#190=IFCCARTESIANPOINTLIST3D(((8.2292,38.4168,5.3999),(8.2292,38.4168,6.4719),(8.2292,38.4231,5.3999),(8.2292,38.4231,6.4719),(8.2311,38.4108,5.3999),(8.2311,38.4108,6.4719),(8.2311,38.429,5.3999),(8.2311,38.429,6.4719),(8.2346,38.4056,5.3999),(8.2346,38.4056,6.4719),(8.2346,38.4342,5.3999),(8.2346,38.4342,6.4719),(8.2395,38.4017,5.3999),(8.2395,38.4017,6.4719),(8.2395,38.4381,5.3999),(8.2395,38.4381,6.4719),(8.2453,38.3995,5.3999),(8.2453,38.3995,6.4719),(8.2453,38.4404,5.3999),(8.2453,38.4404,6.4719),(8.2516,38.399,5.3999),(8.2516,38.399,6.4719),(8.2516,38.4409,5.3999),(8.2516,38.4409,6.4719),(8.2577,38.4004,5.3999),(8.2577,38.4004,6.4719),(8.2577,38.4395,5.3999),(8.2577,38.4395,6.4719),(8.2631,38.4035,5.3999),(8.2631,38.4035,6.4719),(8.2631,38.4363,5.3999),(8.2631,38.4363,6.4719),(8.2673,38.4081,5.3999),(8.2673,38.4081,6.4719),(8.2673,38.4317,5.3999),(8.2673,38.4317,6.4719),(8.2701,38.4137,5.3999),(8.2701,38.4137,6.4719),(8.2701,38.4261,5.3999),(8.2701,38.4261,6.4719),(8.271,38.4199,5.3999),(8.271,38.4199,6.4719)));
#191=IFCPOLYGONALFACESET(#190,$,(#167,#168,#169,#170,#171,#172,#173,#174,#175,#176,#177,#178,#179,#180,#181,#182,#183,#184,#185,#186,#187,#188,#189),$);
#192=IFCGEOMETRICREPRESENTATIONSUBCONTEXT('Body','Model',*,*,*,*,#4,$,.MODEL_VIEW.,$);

--- --- ---

▸ WHAT IS EXPECTED:
Your job is to print all of the material again, word for word.

▸ WRITTEN SOLUTION:
#190=IFCCARTESIANPOINTLIST3D(((8.2292,38.4168,5.3999),(8.2292,38.4168,6.4719),(8.2292,38.4231,5.3999),(8.2292,38.4231,6.4719),(8.2311,38.4108,5.3999),(8.2311,38.4108,6.4719),(8.2311,38.429,5.3999),(8.2311,38.429,6.4719),(8.2346,38.4056,5.3999),(8.2346,38.4056,6.4719),(8.2346,38.4342,5.3999),(8.2346,38.4342,6.4719),(8.2395,38.4017,5.3999),(8.2395,38.4017,6.4719),(8.2395,38.4381,5.3999),(8.2395,38.4381,6.4719),(8.2453,38.3995,5.3999),(8.2453,38.3995,6.4719),(8.2453,38.4404,5.3999),(8.2453,38.4404,6.4719),(8.2516,38.399,5.3999),(8.2516,38.399,6.4719),(8.2516,38.4409,5.3999),(8.2516,38.4409,6.4719),(8.2577,38.4004,5.3999),(8.2577,38.4004,6.4719),(8.2577,38.4395,5.3999),(8.2577,38.4395,6.4719),(8.2631,38.4035,5.3999),(8.2631,38.4035,6.4719),(8.2631,38.4363,5.3999),(8.2631,38.4363,6.4719),(8.2673,38.4081,5.3999),(8.2673,38.4081,6.4719),(8.2673,38.4317,5.3999),(8.2673,38.4317,6.4719),(8.2701,38.4137,5.3999),(8.2701,38.4137,6.4719),(8.2701,38.4261,5.3999),(8.2701,38.4261,6.4719),(8.271,38.4199,5.3999),(8.271,38.4199,6.4719)));
#191=IFCPOLYGONALFACESET(#190,$,(#167,#168,#169,#170,#171,#172,#173,#174,#175,#176,#177,#178,#179,#180,#181,#182,#183,#184,#185,#186,#187,#188,#189),$);
#192=IFCGEOMETRICREPRESENTATIONSUBCONTEXT('Body','Model',*,*,*,*,#4,$,.MODEL_VIEW.,$);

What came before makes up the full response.